# Task to complete
Give back exactly the lines of the data below, starting with the line that has "#38=IFCWINDOW('0000000000000000000006',$,'Window W1 tall" and going on through the line that has "#57=IFCINDEXEDPOLYGONALFACE((5,6,8,7));".

# Dataset extract
* * * *
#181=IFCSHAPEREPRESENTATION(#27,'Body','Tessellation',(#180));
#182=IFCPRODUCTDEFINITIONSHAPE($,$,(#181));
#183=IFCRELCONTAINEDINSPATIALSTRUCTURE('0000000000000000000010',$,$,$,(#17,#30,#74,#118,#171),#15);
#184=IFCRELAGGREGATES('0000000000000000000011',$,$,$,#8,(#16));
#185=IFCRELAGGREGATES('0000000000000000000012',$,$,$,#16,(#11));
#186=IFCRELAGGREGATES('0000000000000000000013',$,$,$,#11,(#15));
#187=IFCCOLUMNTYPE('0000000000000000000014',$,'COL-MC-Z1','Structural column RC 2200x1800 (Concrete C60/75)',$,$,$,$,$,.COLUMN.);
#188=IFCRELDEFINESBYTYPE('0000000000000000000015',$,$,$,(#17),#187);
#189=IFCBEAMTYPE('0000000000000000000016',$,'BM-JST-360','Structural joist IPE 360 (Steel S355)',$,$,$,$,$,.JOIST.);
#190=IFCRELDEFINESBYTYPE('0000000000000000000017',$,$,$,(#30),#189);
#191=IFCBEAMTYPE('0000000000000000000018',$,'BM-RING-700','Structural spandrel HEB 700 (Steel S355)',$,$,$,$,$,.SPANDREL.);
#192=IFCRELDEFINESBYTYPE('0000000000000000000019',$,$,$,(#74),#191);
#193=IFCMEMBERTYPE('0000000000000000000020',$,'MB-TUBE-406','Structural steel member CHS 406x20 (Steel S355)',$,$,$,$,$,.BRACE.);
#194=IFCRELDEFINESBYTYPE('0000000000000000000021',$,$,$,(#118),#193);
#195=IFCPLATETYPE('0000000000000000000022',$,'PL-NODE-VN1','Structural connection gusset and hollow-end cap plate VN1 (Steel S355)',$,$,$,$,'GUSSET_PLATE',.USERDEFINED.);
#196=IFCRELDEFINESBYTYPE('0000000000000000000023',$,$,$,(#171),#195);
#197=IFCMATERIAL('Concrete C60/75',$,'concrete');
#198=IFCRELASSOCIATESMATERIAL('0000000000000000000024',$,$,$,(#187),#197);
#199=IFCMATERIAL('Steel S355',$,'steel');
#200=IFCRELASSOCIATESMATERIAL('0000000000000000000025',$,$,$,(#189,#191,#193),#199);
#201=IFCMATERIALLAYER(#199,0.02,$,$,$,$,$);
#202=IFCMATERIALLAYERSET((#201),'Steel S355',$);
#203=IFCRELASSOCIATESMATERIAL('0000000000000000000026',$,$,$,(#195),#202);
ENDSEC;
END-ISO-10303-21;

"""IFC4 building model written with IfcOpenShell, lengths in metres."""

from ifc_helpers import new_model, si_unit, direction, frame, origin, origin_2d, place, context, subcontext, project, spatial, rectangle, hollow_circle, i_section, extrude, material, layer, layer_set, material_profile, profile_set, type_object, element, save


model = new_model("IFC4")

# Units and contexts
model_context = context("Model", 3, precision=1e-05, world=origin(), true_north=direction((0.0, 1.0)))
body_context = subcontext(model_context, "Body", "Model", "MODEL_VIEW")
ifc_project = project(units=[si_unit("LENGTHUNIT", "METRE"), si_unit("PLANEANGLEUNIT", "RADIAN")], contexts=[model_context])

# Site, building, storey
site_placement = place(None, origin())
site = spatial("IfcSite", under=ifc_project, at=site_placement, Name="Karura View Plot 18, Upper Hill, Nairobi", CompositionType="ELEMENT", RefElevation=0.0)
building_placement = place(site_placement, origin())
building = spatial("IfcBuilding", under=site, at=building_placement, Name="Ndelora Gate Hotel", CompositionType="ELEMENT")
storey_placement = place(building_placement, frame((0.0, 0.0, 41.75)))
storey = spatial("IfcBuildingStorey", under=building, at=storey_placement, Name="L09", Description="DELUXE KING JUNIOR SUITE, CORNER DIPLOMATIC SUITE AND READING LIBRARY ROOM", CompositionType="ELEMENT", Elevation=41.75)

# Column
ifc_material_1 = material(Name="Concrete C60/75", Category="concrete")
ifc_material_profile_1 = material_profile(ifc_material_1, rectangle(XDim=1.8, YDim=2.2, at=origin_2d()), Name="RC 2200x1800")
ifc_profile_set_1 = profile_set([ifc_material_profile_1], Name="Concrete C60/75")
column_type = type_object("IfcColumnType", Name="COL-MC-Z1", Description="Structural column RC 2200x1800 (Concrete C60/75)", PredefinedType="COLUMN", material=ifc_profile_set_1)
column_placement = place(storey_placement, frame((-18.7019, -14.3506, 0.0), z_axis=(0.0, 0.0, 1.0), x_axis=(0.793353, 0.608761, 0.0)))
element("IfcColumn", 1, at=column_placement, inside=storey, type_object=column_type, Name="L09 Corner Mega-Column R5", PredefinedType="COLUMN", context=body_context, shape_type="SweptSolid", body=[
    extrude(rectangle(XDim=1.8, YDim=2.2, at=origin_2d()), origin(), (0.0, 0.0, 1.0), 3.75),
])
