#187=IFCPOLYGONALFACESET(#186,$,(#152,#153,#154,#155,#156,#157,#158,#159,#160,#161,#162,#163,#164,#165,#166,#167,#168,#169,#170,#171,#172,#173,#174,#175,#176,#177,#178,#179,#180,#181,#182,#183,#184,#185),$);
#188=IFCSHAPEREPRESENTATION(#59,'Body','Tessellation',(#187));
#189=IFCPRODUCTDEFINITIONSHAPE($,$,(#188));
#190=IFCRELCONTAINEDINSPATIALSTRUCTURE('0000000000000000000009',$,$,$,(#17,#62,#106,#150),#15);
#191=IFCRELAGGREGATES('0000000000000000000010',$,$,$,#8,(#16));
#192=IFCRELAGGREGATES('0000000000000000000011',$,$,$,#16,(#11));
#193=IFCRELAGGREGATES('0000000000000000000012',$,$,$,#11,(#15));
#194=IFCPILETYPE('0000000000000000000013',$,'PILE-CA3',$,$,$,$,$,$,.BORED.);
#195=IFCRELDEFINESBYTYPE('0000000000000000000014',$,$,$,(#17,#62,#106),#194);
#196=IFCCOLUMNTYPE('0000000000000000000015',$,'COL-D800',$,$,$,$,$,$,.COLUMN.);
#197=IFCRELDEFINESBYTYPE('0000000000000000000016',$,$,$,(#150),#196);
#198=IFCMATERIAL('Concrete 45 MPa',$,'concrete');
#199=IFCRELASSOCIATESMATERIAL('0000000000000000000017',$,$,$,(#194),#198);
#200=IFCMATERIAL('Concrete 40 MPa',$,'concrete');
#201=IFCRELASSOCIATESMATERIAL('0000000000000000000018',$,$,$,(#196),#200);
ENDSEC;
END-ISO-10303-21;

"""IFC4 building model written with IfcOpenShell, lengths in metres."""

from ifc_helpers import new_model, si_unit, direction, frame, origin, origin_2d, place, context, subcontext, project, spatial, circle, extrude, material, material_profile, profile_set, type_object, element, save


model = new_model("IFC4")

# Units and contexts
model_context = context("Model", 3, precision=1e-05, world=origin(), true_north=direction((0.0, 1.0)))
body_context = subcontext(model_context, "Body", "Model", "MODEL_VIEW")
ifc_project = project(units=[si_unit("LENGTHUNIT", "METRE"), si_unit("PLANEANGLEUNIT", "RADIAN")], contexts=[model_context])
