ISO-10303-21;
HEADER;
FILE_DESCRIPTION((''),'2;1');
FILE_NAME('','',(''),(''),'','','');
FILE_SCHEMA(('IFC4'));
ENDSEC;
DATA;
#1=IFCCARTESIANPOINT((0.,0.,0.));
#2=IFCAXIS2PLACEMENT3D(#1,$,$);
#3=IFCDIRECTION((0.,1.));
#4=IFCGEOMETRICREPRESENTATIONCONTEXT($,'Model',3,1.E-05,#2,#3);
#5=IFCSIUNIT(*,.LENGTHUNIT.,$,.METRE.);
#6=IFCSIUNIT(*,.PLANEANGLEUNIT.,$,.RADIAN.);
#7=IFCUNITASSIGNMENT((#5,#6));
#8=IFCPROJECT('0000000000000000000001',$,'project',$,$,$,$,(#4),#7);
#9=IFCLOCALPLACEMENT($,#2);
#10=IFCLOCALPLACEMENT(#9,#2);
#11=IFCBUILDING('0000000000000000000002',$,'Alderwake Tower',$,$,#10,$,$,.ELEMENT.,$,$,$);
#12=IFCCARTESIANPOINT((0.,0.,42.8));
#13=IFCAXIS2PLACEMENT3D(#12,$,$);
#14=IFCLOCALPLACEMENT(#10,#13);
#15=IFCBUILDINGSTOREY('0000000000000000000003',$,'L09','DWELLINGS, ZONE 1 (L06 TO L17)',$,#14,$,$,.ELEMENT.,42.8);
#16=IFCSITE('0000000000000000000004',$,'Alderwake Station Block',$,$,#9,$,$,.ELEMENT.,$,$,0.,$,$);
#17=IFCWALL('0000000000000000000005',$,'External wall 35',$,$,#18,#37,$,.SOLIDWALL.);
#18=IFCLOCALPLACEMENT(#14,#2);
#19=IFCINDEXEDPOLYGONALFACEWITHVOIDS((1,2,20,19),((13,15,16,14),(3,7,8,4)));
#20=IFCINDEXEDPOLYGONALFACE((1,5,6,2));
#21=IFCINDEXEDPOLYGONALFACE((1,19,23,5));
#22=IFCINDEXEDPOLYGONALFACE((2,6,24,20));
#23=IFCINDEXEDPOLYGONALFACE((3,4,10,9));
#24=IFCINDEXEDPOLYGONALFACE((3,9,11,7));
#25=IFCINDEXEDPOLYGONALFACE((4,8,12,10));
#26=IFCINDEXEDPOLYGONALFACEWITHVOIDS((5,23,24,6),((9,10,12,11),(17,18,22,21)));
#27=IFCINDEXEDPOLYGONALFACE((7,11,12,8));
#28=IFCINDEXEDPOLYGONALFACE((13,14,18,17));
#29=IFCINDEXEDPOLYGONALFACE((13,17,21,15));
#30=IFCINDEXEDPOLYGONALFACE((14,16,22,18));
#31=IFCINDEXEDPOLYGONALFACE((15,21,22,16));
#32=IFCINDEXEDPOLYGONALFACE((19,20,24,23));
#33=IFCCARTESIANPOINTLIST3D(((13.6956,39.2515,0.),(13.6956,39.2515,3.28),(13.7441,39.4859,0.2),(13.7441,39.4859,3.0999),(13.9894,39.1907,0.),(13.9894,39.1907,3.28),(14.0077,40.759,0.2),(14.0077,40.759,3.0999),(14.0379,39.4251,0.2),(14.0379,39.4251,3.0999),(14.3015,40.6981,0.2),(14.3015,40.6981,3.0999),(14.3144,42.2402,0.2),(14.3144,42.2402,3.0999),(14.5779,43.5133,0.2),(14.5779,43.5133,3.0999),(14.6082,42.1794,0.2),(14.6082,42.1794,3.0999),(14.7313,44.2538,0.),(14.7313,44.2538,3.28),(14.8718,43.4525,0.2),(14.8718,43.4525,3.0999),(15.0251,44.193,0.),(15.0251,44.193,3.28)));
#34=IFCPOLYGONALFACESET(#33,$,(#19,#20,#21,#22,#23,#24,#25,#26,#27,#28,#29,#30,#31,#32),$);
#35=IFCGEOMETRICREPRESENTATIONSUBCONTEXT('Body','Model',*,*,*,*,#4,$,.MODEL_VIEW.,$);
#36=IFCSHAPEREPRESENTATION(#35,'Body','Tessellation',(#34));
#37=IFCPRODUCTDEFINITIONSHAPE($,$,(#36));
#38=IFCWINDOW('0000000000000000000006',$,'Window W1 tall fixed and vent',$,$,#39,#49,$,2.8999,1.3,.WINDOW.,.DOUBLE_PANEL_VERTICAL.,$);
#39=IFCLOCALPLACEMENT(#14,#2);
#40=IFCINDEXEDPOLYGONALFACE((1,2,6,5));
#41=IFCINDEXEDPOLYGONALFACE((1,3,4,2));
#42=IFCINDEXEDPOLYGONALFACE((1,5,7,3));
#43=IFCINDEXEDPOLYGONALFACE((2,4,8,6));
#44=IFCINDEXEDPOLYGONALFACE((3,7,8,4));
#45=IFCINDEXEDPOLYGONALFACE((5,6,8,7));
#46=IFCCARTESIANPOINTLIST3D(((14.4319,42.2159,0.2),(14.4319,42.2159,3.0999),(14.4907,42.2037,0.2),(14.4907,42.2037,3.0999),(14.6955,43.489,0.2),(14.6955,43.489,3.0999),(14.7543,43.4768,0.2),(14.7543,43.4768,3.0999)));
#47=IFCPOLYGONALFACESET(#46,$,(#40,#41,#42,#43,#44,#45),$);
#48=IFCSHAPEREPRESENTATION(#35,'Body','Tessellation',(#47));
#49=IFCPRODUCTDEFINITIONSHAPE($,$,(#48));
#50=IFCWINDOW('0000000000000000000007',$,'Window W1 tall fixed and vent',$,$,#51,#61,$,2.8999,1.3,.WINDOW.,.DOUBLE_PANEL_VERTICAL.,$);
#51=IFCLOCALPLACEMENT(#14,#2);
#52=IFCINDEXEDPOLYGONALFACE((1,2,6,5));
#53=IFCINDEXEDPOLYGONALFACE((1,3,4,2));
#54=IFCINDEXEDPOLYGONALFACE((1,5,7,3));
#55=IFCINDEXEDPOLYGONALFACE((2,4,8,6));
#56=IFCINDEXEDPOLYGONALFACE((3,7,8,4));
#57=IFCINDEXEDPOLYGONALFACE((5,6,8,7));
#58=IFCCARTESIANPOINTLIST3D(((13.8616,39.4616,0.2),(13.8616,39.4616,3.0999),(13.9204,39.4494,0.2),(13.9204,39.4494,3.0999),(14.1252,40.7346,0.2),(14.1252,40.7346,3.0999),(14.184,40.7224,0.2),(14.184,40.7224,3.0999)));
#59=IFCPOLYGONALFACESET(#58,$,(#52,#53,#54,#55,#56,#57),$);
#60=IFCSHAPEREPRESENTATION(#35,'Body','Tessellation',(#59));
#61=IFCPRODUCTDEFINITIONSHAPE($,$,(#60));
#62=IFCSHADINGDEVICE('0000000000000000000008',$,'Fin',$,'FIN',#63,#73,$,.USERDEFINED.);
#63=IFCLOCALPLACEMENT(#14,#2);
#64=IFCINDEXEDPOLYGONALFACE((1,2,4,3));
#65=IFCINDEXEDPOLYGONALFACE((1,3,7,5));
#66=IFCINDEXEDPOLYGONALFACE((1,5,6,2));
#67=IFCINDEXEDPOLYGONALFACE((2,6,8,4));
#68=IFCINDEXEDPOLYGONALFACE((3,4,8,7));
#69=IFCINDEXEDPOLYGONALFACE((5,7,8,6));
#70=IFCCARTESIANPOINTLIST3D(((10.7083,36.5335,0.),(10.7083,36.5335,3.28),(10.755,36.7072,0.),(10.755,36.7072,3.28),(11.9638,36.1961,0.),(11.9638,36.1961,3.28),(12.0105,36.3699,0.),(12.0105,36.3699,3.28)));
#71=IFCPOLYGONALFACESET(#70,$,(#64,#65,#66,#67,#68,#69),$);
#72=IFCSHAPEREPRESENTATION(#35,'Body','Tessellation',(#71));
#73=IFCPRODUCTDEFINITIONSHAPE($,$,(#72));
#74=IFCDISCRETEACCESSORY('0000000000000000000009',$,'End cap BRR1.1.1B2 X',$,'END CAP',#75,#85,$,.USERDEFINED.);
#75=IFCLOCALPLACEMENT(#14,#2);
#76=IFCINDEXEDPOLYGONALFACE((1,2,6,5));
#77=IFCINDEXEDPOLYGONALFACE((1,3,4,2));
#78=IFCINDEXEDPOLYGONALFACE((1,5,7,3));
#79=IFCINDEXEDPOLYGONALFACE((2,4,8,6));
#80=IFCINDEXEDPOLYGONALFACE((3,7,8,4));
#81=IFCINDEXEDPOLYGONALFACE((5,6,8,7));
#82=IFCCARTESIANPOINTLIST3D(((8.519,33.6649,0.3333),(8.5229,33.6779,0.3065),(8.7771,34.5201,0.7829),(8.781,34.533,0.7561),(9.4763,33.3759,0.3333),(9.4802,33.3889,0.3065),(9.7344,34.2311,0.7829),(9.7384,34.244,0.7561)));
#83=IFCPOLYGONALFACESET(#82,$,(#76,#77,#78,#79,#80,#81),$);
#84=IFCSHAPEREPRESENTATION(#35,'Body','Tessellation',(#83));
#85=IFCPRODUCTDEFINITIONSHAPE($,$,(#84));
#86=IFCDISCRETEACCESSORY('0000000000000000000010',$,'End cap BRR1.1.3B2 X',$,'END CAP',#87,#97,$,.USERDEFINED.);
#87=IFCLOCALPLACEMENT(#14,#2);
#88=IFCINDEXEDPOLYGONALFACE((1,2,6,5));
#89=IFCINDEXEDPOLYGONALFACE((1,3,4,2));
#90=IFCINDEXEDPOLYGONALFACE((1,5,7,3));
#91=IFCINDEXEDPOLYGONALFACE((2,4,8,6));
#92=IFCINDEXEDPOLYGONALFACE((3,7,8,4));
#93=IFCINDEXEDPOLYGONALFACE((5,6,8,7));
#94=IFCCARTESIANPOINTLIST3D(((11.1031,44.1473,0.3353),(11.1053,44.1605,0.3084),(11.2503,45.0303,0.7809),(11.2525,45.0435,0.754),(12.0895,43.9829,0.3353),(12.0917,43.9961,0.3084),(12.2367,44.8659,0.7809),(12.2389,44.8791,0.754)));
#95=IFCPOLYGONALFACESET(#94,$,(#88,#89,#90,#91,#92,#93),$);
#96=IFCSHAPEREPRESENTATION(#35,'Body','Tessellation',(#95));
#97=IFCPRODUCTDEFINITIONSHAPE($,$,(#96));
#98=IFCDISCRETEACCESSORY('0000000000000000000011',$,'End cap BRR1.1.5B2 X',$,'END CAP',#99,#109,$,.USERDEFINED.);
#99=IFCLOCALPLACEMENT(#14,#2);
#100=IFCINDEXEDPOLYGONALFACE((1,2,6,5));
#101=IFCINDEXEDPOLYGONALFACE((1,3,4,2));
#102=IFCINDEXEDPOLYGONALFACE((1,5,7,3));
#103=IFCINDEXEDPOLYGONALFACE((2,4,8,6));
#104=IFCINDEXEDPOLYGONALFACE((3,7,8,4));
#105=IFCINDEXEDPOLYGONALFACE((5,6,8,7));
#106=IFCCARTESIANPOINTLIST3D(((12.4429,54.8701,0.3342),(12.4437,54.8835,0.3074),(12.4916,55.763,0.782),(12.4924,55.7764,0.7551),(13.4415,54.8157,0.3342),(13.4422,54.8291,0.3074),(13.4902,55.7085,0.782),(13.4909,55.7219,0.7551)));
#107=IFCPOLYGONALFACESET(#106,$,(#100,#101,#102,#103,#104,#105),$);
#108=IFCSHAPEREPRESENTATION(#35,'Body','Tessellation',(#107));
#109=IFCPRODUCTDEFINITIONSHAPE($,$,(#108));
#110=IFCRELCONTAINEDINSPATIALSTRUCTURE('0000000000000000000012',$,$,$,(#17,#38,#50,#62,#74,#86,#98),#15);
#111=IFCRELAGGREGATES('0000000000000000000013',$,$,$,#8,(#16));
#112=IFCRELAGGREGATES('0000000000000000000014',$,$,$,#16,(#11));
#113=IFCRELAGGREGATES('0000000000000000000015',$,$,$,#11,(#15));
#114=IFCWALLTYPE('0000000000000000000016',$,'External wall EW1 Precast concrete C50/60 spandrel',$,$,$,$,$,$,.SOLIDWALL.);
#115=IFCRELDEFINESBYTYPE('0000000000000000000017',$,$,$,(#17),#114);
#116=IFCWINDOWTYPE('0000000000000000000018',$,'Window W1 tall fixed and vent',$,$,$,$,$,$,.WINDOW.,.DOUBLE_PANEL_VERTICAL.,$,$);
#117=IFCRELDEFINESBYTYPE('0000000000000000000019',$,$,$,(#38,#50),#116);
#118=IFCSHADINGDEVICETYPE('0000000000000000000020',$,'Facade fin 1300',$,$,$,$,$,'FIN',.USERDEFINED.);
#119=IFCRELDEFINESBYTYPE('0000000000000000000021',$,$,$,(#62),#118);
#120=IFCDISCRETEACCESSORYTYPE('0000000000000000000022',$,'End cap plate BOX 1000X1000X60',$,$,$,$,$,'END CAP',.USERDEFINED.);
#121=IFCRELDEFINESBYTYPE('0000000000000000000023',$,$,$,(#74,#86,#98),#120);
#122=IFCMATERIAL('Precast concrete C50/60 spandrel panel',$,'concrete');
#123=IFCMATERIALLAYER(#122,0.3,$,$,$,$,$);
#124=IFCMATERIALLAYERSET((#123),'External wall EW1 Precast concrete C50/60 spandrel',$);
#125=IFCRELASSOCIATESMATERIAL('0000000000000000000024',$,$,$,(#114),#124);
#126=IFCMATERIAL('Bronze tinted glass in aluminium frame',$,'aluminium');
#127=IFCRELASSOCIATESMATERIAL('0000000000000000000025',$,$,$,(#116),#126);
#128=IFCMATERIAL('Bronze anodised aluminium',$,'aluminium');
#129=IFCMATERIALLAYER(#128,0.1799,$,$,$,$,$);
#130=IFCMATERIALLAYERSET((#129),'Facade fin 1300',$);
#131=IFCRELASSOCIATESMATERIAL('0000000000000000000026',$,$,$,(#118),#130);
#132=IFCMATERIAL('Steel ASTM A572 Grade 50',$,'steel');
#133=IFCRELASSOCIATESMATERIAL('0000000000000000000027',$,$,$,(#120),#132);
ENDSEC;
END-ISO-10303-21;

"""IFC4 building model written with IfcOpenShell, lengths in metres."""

from ifc_helpers import new_model, si_unit, direction, frame, frame_2d, origin, origin_2d, place, context, subcontext, project, spatial, rectangle, extrude, material, layer, layer_set, material_profile, profile_set, type_object, element, fill, save


model = new_model("IFC4")

# Units and contexts
model_context = context("Model", 3, precision=1e-05, world=origin(), true_north=direction((0.0, 1.0)))
body_context = subcontext(model_context, "Body", "Model", "MODEL_VIEW")
ifc_project = project(units=[si_unit("LENGTHUNIT", "METRE"), si_unit("PLANEANGLEUNIT", "RADIAN")], contexts=[model_context])

# Site, building, storey
site_placement = place(None, origin())
site = spatial("IfcSite", under=ifc_project, at=site_placement, Name="Alderwake Station Block", CompositionType="ELEMENT", RefElevation=0.0)
building_placement = place(site_placement, origin())
building = spatial("IfcBuilding", under=site, at=building_placement, Name="Alderwake Tower", CompositionType="ELEMENT")
storey_placement = place(building_placement, frame((0.0, 0.0, 42.8)))
storey = spatial("IfcBuildingStorey", under=building, at=storey_placement, Name="L09", Description="DWELLINGS, ZONE 1 (L06 TO L17)", CompositionType="ELEMENT", Elevation=42.8)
* * * *
# Solution to this exercise
#38=IFCWINDOW('0000000000000000000006',$,'Window W1 tall fixed and vent',$,$,#39,#49,$,2.8999,1.3,.WINDOW.,.DOUBLE_PANEL_VERTICAL.,$);
#39=IFCLOCALPLACEMENT(#14,#2);
#40=IFCINDEXEDPOLYGONALFACE((1,2,6,5));
#41=IFCINDEXEDPOLYGONALFACE((1,3,4,2));
#42=IFCINDEXEDPOLYGONALFACE((1,5,7,3));
#43=IFCINDEXEDPOLYGONALFACE((2,4,8,6));
#44=IFCINDEXEDPOLYGONALFACE((3,7,8,4));
#45=IFCINDEXEDPOLYGONALFACE((5,6,8,7));
#46=IFCCARTESIANPOINTLIST3D(((14.4319,42.2159,0.2),(14.4319,42.2159,3.0999),(14.4907,42.2037,0.2),(14.4907,42.2037,3.0999),(14.6955,43.489,0.2),(14.6955,43.489,3.0999),(14.7543,43.4768,0.2),(14.7543,43.4768,3.0999)));
#47=IFCPOLYGONALFACESET(#46,$,(#40,#41,#42,#43,#44,#45),$);
#48=IFCSHAPEREPRESENTATION(#35,'Body','Tessellation',(#47));
#49=IFCPRODUCTDEFINITIONSHAPE($,$,(#48));
#50=IFCWINDOW('0000000000000000000007',$,'Window W1 tall fixed and vent',$,$,#51,#61,$,2.8999,1.3,.WINDOW.,.DOUBLE_PANEL_VERTICAL.,$);
#51=IFCLOCALPLACEMENT(#14,#2);
#52=IFCINDEXEDPOLYGONALFACE((1,2,6,5));
#53=IFCINDEXEDPOLYGONALFACE((1,3,4,2));
#54=IFCINDEXEDPOLYGONALFACE((1,5,7,3));
#55=IFCINDEXEDPOLYGONALFACE((2,4,8,6));
#56=IFCINDEXEDPOLYGONALFACE((3,7,8,4));
#57=IFCINDEXEDPOLYGONALFACE((5,6,8,7));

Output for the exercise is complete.